■ **EXERCISE AIM**: Reproduce the full listing that appears beneath this instruction exactly.

============

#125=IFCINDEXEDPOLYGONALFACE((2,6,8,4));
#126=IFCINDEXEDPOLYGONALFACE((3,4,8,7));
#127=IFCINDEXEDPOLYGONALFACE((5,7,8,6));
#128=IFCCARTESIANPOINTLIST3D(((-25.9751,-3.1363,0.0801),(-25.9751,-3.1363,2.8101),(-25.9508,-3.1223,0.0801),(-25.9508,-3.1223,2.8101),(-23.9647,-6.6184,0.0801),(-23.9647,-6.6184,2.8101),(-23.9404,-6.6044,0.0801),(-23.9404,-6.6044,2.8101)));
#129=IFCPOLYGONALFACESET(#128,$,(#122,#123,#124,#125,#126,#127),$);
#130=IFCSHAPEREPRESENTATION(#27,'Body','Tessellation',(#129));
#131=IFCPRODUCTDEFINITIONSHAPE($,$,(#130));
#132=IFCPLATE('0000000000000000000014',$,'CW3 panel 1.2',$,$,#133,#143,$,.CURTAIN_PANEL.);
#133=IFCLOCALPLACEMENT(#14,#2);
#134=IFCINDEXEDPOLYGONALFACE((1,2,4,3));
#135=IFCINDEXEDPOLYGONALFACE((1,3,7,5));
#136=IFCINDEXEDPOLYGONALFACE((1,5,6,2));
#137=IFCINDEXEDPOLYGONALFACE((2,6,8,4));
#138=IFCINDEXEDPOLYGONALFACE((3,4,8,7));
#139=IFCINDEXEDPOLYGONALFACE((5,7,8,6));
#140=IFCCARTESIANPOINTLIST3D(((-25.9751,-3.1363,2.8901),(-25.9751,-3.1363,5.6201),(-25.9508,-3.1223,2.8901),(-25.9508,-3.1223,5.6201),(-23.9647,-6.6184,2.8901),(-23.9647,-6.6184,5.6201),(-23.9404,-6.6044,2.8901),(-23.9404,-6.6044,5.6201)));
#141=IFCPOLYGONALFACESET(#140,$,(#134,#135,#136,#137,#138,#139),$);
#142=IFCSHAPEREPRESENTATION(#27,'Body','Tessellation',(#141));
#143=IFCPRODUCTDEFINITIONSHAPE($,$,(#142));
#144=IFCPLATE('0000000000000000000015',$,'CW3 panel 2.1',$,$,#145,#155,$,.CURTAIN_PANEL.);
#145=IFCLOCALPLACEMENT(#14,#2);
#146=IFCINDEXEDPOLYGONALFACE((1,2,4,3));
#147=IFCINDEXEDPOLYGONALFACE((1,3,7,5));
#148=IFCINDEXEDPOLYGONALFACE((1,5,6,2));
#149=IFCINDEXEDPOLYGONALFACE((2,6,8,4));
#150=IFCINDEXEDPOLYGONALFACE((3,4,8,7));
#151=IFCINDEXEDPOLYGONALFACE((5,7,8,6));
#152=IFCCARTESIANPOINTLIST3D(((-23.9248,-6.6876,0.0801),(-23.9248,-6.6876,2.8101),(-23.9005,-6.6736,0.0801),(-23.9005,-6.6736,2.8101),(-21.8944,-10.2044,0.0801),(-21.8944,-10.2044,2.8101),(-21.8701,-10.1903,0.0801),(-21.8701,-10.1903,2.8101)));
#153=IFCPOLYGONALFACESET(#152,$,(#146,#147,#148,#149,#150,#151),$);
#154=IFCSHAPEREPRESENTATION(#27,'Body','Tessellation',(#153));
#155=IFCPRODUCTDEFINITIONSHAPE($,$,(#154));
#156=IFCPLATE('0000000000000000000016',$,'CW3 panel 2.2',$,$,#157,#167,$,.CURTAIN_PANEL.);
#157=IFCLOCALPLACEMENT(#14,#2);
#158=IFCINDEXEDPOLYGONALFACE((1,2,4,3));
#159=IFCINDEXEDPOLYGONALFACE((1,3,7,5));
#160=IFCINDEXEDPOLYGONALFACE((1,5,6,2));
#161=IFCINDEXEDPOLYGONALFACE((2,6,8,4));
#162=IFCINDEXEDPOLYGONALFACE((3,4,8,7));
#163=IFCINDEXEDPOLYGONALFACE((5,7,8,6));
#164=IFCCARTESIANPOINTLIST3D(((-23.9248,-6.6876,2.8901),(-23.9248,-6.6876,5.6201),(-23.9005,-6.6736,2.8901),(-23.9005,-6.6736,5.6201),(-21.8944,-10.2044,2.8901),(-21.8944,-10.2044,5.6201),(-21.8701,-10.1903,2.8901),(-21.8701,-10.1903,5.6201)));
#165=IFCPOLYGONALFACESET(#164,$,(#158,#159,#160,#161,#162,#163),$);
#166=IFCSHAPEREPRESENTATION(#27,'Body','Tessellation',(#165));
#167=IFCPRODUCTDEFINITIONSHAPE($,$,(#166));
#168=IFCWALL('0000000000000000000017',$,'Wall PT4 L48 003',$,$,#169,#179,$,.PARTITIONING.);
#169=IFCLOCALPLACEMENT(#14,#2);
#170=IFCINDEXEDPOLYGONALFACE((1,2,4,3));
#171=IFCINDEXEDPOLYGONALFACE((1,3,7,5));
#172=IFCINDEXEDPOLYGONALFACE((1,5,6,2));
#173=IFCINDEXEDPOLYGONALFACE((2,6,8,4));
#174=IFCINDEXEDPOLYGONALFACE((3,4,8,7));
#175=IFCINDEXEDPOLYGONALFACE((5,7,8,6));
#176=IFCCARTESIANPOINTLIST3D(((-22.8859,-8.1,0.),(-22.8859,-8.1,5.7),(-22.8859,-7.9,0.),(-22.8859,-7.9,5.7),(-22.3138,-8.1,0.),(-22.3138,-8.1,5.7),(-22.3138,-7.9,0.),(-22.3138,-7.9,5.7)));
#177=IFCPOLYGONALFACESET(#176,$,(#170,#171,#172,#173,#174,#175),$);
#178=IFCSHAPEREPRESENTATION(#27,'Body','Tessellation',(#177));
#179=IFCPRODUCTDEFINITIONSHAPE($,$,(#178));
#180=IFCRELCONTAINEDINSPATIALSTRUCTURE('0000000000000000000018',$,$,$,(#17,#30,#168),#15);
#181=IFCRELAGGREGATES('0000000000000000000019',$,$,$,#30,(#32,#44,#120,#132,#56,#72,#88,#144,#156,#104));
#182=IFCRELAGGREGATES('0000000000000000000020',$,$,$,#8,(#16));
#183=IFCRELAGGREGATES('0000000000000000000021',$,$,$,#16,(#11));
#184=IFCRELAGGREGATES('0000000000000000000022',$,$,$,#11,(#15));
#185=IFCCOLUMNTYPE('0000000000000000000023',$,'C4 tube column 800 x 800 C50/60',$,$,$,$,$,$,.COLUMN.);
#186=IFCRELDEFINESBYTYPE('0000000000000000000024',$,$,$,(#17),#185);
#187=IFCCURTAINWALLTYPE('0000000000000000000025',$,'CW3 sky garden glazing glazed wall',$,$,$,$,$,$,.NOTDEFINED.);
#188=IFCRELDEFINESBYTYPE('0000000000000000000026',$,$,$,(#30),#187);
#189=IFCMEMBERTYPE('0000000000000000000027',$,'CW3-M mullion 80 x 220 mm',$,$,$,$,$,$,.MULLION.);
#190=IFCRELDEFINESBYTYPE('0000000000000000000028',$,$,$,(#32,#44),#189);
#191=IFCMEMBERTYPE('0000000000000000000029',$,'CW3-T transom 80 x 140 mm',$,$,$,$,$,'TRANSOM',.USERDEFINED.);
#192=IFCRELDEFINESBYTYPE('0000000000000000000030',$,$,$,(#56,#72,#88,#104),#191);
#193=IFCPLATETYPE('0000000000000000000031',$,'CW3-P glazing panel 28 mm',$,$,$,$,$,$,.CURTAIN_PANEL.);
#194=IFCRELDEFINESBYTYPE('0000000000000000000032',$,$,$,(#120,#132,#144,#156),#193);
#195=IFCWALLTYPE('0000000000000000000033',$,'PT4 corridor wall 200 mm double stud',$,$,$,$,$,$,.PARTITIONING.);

============

■ **EXPECTED ANSWER**:
#125=IFCINDEXEDPOLYGONALFACE((2,6,8,4));
#126=IFCINDEXEDPOLYGONALFACE((3,4,8,7));
#127=IFCINDEXEDPOLYGONALFACE((5,7,8,6));
#128=IFCCARTESIANPOINTLIST3D(((-25.9751,-3.1363,0.0801),(-25.9751,-3.1363,2.8101),(-25.9508,-3.1223,0.0801),(-25.9508,-3.1223,2.8101),(-23.9647,-6.6184,0.0801),(-23.9647,-6.6184,2.8101),(-23.9404,-6.6044,0.0801),(-23.9404,-6.6044,2.8101)));
#129=IFCPOLYGONALFACESET(#128,$,(#122,#123,#124,#125,#126,#127),$);
#130=IFCSHAPEREPRESENTATION(#27,'Body','Tessellation',(#129));
#131=IFCPRODUCTDEFINITIONSHAPE($,$,(#130));
#132=IFCPLATE('0000000000000000000014',$,'CW3 panel 1.2',$,$,#133,#143,$,.CURTAIN_PANEL.);
#133=IFCLOCALPLACEMENT(#14,#2);
#134=IFCINDEXEDPOLYGONALFACE((1,2,4,3));
#135=IFCINDEXEDPOLYGONALFACE((1,3,7,5));
#136=IFCINDEXEDPOLYGONALFACE((1,5,6,2));
#137=IFCINDEXEDPOLYGONALFACE((2,6,8,4));
#138=IFCINDEXEDPOLYGONALFACE((3,4,8,7));
#139=IFCINDEXEDPOLYGONALFACE((5,7,8,6));
#140=IFCCARTESIANPOINTLIST3D(((-25.9751,-3.1363,2.8901),(-25.9751,-3.1363,5.6201),(-25.9508,-3.1223,2.8901),(-25.9508,-3.1223,5.6201),(-23.9647,-6.6184,2.8901),(-23.9647,-6.6184,5.6201),(-23.9404,-6.6044,2.8901),(-23.9404,-6.6044,5.6201)));
#141=IFCPOLYGONALFACESET(#140,$,(#134,#135,#136,#137,#138,#139),$);
#142=IFCSHAPEREPRESENTATION(#27,'Body','Tessellation',(#141));
#143=IFCPRODUCTDEFINITIONSHAPE($,$,(#142));
#144=IFCPLATE('0000000000000000000015',$,'CW3 panel 2.1',$,$,#145,#155,$,.CURTAIN_PANEL.);
#145=IFCLOCALPLACEMENT(#14,#2);
#146=IFCINDEXEDPOLYGONALFACE((1,2,4,3));
#147=IFCINDEXEDPOLYGONALFACE((1,3,7,5));
#148=IFCINDEXEDPOLYGONALFACE((1,5,6,2));
#149=IFCINDEXEDPOLYGONALFACE((2,6,8,4));
#150=IFCINDEXEDPOLYGONALFACE((3,4,8,7));
#151=IFCINDEXEDPOLYGONALFACE((5,7,8,6));
#152=IFCCARTESIANPOINTLIST3D(((-23.9248,-6.6876,0.0801),(-23.9248,-6.6876,2.8101),(-23.9005,-6.6736,0.0801),(-23.9005,-6.6736,2.8101),(-21.8944,-10.2044,0.0801),(-21.8944,-10.2044,2.8101),(-21.8701,-10.1903,0.0801),(-21.8701,-10.1903,2.8101)));
#153=IFCPOLYGONALFACESET(#152,$,(#146,#147,#148,#149,#150,#151),$);
#154=IFCSHAPEREPRESENTATION(#27,'Body','Tessellation',(#153));
#155=IFCPRODUCTDEFINITIONSHAPE($,$,(#154));
#156=IFCPLATE('0000000000000000000016',$,'CW3 panel 2.2',$,$,#157,#167,$,.CURTAIN_PANEL.);
#157=IFCLOCALPLACEMENT(#14,#2);
#158=IFCINDEXEDPOLYGONALFACE((1,2,4,3));
#159=IFCINDEXEDPOLYGONALFACE((1,3,7,5));
#160=IFCINDEXEDPOLYGONALFACE((1,5,6,2));
#161=IFCINDEXEDPOLYGONALFACE((2,6,8,4));
#162=IFCINDEXEDPOLYGONALFACE((3,4,8,7));
#163=IFCINDEXEDPOLYGONALFACE((5,7,8,6));
#164=IFCCARTESIANPOINTLIST3D(((-23.9248,-6.6876,2.8901),(-23.9248,-6.6876,5.6201),(-23.9005,-6.6736,2.8901),(-23.9005,-6.6736,5.6201),(-21.8944,-10.2044,2.8901),(-21.8944,-10.2044,5.6201),(-21.8701,-10.1903,2.8901),(-21.8701,-10.1903,5.6201)));
#165=IFCPOLYGONALFACESET(#164,$,(#158,#159,#160,#161,#162,#163),$);
#166=IFCSHAPEREPRESENTATION(#27,'Body','Tessellation',(#165));
#167=IFCPRODUCTDEFINITIONSHAPE($,$,(#166));
#168=IFCWALL('0000000000000000000017',$,'Wall PT4 L48 003',$,$,#169,#179,$,.PARTITIONING.);
#169=IFCLOCALPLACEMENT(#14,#2);
#170=IFCINDEXEDPOLYGONALFACE((1,2,4,3));
#171=IFCINDEXEDPOLYGONALFACE((1,3,7,5));
#172=IFCINDEXEDPOLYGONALFACE((1,5,6,2));
#173=IFCINDEXEDPOLYGONALFACE((2,6,8,4));
#174=IFCINDEXEDPOLYGONALFACE((3,4,8,7));
#175=IFCINDEXEDPOLYGONALFACE((5,7,8,6));
#176=IFCCARTESIANPOINTLIST3D(((-22.8859,-8.1,0.),(-22.8859,-8.1,5.7),(-22.8859,-7.9,0.),(-22.8859,-7.9,5.7),(-22.3138,-8.1,0.),(-22.3138,-8.1,5.7),(-22.3138,-7.9,0.),(-22.3138,-7.9,5.7)));
#177=IFCPOLYGONALFACESET(#176,$,(#170,#171,#172,#173,#174,#175),$);
#178=IFCSHAPEREPRESENTATION(#27,'Body','Tessellation',(#177));
#179=IFCPRODUCTDEFINITIONSHAPE($,$,(#178));
#180=IFCRELCONTAINEDINSPATIALSTRUCTURE('0000000000000000000018',$,$,$,(#17,#30,#168),#15);
#181=IFCRELAGGREGATES('0000000000000000000019',$,$,$,#30,(#32,#44,#120,#132,#56,#72,#88,#144,#156,#104));
#182=IFCRELAGGREGATES('0000000000000000000020',$,$,$,#8,(#16));
#183=IFCRELAGGREGATES('0000000000000000000021',$,$,$,#16,(#11));
#184=IFCRELAGGREGATES('0000000000000000000022',$,$,$,#11,(#15));
#185=IFCCOLUMNTYPE('0000000000000000000023',$,'C4 tube column 800 x 800 C50/60',$,$,$,$,$,$,.COLUMN.);
#186=IFCRELDEFINESBYTYPE('0000000000000000000024',$,$,$,(#17),#185);
#187=IFCCURTAINWALLTYPE('0000000000000000000025',$,'CW3 sky garden glazing glazed wall',$,$,$,$,$,$,.NOTDEFINED.);
#188=IFCRELDEFINESBYTYPE('0000000000000000000026',$,$,$,(#30),#187);
#189=IFCMEMBERTYPE('0000000000000000000027',$,'CW3-M mullion 80 x 220 mm',$,$,$,$,$,$,.MULLION.);
#190=IFCRELDEFINESBYTYPE('0000000000000000000028',$,$,$,(#32,#44),#189);
#191=IFCMEMBERTYPE('0000000000000000000029',$,'CW3-T transom 80 x 140 mm',$,$,$,$,$,'TRANSOM',.USERDEFINED.);
#192=IFCRELDEFINESBYTYPE('0000000000000000000030',$,$,$,(#56,#72,#88,#104),#191);
#193=IFCPLATETYPE('0000000000000000000031',$,'CW3-P glazing panel 28 mm',$,$,$,$,$,$,.CURTAIN_PANEL.);
#194=IFCRELDEFINESBYTYPE('0000000000000000000032',$,$,$,(#120,#132,#144,#156),#193);
#195=IFCWALLTYPE('0000000000000000000033',$,'PT4 corridor wall 200 mm double stud',$,$,$,$,$,$,.PARTITIONING.);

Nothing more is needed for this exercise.